WHAT THIS TASK INVOLVES: Output the data that follows exactly, line for line.

(Dataset entries)
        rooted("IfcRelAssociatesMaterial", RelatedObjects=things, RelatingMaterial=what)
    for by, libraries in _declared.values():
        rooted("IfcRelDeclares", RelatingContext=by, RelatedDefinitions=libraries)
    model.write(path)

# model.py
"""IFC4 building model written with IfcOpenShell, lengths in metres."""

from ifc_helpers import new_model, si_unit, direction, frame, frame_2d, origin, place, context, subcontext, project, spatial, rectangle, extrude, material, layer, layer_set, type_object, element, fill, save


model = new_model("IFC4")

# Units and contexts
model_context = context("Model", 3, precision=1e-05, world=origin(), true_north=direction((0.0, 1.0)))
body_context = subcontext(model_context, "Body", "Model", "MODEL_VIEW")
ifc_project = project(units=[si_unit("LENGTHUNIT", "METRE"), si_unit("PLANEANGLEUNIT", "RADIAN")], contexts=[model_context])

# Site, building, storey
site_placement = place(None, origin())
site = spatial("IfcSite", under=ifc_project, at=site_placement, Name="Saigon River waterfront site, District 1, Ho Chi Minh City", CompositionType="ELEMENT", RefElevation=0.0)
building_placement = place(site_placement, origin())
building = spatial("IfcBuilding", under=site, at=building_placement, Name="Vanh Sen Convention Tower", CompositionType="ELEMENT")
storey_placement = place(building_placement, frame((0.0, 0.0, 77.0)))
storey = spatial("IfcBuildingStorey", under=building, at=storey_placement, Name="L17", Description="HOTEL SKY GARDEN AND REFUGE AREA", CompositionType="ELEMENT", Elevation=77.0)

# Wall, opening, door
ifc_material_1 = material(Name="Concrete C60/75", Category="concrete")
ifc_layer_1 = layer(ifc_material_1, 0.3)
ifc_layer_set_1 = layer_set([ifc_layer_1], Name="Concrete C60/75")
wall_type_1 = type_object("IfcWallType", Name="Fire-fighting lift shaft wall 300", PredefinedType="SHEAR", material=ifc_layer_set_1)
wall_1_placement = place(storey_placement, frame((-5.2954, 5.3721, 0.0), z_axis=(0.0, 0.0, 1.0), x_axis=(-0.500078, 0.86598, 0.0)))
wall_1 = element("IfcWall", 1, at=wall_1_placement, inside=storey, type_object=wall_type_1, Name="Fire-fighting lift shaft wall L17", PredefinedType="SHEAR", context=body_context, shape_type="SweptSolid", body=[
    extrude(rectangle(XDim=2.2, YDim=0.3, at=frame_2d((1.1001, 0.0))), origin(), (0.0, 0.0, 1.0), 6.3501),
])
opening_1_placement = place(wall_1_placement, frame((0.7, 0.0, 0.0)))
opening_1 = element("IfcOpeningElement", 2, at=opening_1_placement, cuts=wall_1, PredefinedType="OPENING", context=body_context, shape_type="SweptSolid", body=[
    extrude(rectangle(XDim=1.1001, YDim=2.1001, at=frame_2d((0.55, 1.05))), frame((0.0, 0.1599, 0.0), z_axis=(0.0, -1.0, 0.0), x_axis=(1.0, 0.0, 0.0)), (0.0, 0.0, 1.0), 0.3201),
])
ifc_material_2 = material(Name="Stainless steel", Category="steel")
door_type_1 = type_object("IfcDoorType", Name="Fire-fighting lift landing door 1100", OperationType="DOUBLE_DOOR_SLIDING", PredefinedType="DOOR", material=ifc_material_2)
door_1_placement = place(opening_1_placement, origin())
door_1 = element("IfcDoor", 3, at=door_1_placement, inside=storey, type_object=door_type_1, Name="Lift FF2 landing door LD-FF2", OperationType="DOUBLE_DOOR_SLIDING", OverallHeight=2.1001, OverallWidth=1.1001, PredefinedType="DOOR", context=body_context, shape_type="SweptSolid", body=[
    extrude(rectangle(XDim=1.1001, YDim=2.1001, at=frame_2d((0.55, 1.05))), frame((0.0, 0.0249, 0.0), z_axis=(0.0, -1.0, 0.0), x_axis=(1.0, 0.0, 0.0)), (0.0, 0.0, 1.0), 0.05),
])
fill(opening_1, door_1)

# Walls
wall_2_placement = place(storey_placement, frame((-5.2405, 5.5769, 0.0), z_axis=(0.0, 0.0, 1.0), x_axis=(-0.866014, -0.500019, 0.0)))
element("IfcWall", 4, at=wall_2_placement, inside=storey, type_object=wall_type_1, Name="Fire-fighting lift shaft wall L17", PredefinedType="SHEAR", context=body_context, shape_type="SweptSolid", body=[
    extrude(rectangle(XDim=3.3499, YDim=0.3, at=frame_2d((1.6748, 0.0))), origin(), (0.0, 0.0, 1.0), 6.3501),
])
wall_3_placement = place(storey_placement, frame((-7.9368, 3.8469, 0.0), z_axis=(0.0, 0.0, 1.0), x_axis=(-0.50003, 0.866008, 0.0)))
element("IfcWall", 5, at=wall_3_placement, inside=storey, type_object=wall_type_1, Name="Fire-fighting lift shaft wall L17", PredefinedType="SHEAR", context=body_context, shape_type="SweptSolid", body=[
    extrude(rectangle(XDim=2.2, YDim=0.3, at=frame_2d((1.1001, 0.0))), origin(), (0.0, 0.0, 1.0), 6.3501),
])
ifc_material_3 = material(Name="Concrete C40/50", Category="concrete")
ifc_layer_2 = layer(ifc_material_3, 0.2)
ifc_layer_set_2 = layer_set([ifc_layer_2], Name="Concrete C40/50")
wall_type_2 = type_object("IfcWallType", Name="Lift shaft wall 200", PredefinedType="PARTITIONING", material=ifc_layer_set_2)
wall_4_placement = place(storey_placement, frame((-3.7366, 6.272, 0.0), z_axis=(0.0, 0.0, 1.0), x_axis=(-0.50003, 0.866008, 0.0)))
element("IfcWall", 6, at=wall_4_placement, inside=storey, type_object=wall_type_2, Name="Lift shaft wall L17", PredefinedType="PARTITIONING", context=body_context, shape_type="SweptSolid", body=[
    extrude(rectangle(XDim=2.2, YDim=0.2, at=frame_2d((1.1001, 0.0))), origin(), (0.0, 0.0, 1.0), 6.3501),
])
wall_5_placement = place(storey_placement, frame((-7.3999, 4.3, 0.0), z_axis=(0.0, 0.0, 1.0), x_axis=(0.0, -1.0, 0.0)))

RESULT:
        rooted("IfcRelAssociatesMaterial", RelatedObjects=things, RelatingMaterial=what)
    for by, libraries in _declared.values():
        rooted("IfcRelDeclares", RelatingContext=by, RelatedDefinitions=libraries)
    model.write(path)

# model.py
"""IFC4 building model written with IfcOpenShell, lengths in metres."""

from ifc_helpers import new_model, si_unit, direction, frame, frame_2d, origin, place, context, subcontext, project, spatial, rectangle, extrude, material, layer, layer_set, type_object, element, fill, save


model = new_model("IFC4")

# Units and contexts
model_context = context("Model", 3, precision=1e-05, world=origin(), true_north=direction((0.0, 1.0)))
body_context = subcontext(model_context, "Body", "Model", "MODEL_VIEW")
ifc_project = project(units=[si_unit("LENGTHUNIT", "METRE"), si_unit("PLANEANGLEUNIT", "RADIAN")], contexts=[model_context])

# Site, building, storey
site_placement = place(None, origin())
site = spatial("IfcSite", under=ifc_project, at=site_placement, Name="Saigon River waterfront site, District 1, Ho Chi Minh City", CompositionType="ELEMENT", RefElevation=0.0)
building_placement = place(site_placement, origin())
building = spatial("IfcBuilding", under=site, at=building_placement, Name="Vanh Sen Convention Tower", CompositionType="ELEMENT")
storey_placement = place(building_placement, frame((0.0, 0.0, 77.0)))
storey = spatial("IfcBuildingStorey", under=building, at=storey_placement, Name="L17", Description="HOTEL SKY GARDEN AND REFUGE AREA", CompositionType="ELEMENT", Elevation=77.0)

# Wall, opening, door
ifc_material_1 = material(Name="Concrete C60/75", Category="concrete")
ifc_layer_1 = layer(ifc_material_1, 0.3)
ifc_layer_set_1 = layer_set([ifc_layer_1], Name="Concrete C60/75")
wall_type_1 = type_object("IfcWallType", Name="Fire-fighting lift shaft wall 300", PredefinedType="SHEAR", material=ifc_layer_set_1)
wall_1_placement = place(storey_placement, frame((-5.2954, 5.3721, 0.0), z_axis=(0.0, 0.0, 1.0), x_axis=(-0.500078, 0.86598, 0.0)))
wall_1 = element("IfcWall", 1, at=wall_1_placement, inside=storey, type_object=wall_type_1, Name="Fire-fighting lift shaft wall L17", PredefinedType="SHEAR", context=body_context, shape_type="SweptSolid", body=[
    extrude(rectangle(XDim=2.2, YDim=0.3, at=frame_2d((1.1001, 0.0))), origin(), (0.0, 0.0, 1.0), 6.3501),
])
opening_1_placement = place(wall_1_placement, frame((0.7, 0.0, 0.0)))
opening_1 = element("IfcOpeningElement", 2, at=opening_1_placement, cuts=wall_1, PredefinedType="OPENING", context=body_context, shape_type="SweptSolid", body=[
    extrude(rectangle(XDim=1.1001, YDim=2.1001, at=frame_2d((0.55, 1.05))), frame((0.0, 0.1599, 0.0), z_axis=(0.0, -1.0, 0.0), x_axis=(1.0, 0.0, 0.0)), (0.0, 0.0, 1.0), 0.3201),
])
ifc_material_2 = material(Name="Stainless steel", Category="steel")
door_type_1 = type_object("IfcDoorType", Name="Fire-fighting lift landing door 1100", OperationType="DOUBLE_DOOR_SLIDING", PredefinedType="DOOR", material=ifc_material_2)
door_1_placement = place(opening_1_placement, origin())
door_1 = element("IfcDoor", 3, at=door_1_placement, inside=storey, type_object=door_type_1, Name="Lift FF2 landing door LD-FF2", OperationType="DOUBLE_DOOR_SLIDING", OverallHeight=2.1001, OverallWidth=1.1001, PredefinedType="DOOR", context=body_context, shape_type="SweptSolid", body=[
    extrude(rectangle(XDim=1.1001, YDim=2.1001, at=frame_2d((0.55, 1.05))), frame((0.0, 0.0249, 0.0), z_axis=(0.0, -1.0, 0.0), x_axis=(1.0, 0.0, 0.0)), (0.0, 0.0, 1.0), 0.05),
])
fill(opening_1, door_1)

# Walls
wall_2_placement = place(storey_placement, frame((-5.2405, 5.5769, 0.0), z_axis=(0.0, 0.0, 1.0), x_axis=(-0.866014, -0.500019, 0.0)))
element("IfcWall", 4, at=wall_2_placement, inside=storey, type_object=wall_type_1, Name="Fire-fighting lift shaft wall L17", PredefinedType="SHEAR", context=body_context, shape_type="SweptSolid", body=[
    extrude(rectangle(XDim=3.3499, YDim=0.3, at=frame_2d((1.6748, 0.0))), origin(), (0.0, 0.0, 1.0), 6.3501),
])
wall_3_placement = place(storey_placement, frame((-7.9368, 3.8469, 0.0), z_axis=(0.0, 0.0, 1.0), x_axis=(-0.50003, 0.866008, 0.0)))
element("IfcWall", 5, at=wall_3_placement, inside=storey, type_object=wall_type_1, Name="Fire-fighting lift shaft wall L17", PredefinedType="SHEAR", context=body_context, shape_type="SweptSolid", body=[
    extrude(rectangle(XDim=2.2, YDim=0.3, at=frame_2d((1.1001, 0.0))), origin(), (0.0, 0.0, 1.0), 6.3501),
])
ifc_material_3 = material(Name="Concrete C40/50", Category="concrete")
ifc_layer_2 = layer(ifc_material_3, 0.2)
ifc_layer_set_2 = layer_set([ifc_layer_2], Name="Concrete C40/50")
wall_type_2 = type_object("IfcWallType", Name="Lift shaft wall 200", PredefinedType="PARTITIONING", material=ifc_layer_set_2)
wall_4_placement = place(storey_placement, frame((-3.7366, 6.272, 0.0), z_axis=(0.0, 0.0, 1.0), x_axis=(-0.50003, 0.866008, 0.0)))
element("IfcWall", 6, at=wall_4_placement, inside=storey, type_object=wall_type_2, Name="Lift shaft wall L17", PredefinedType="PARTITIONING", context=body_context, shape_type="SweptSolid", body=[
    extrude(rectangle(XDim=2.2, YDim=0.2, at=frame_2d((1.1001, 0.0))), origin(), (0.0, 0.0, 1.0), 6.3501),
])
wall_5_placement = place(storey_placement, frame((-7.3999, 4.3, 0.0), z_axis=(0.0, 0.0, 1.0), x_axis=(0.0, -1.0, 0.0)))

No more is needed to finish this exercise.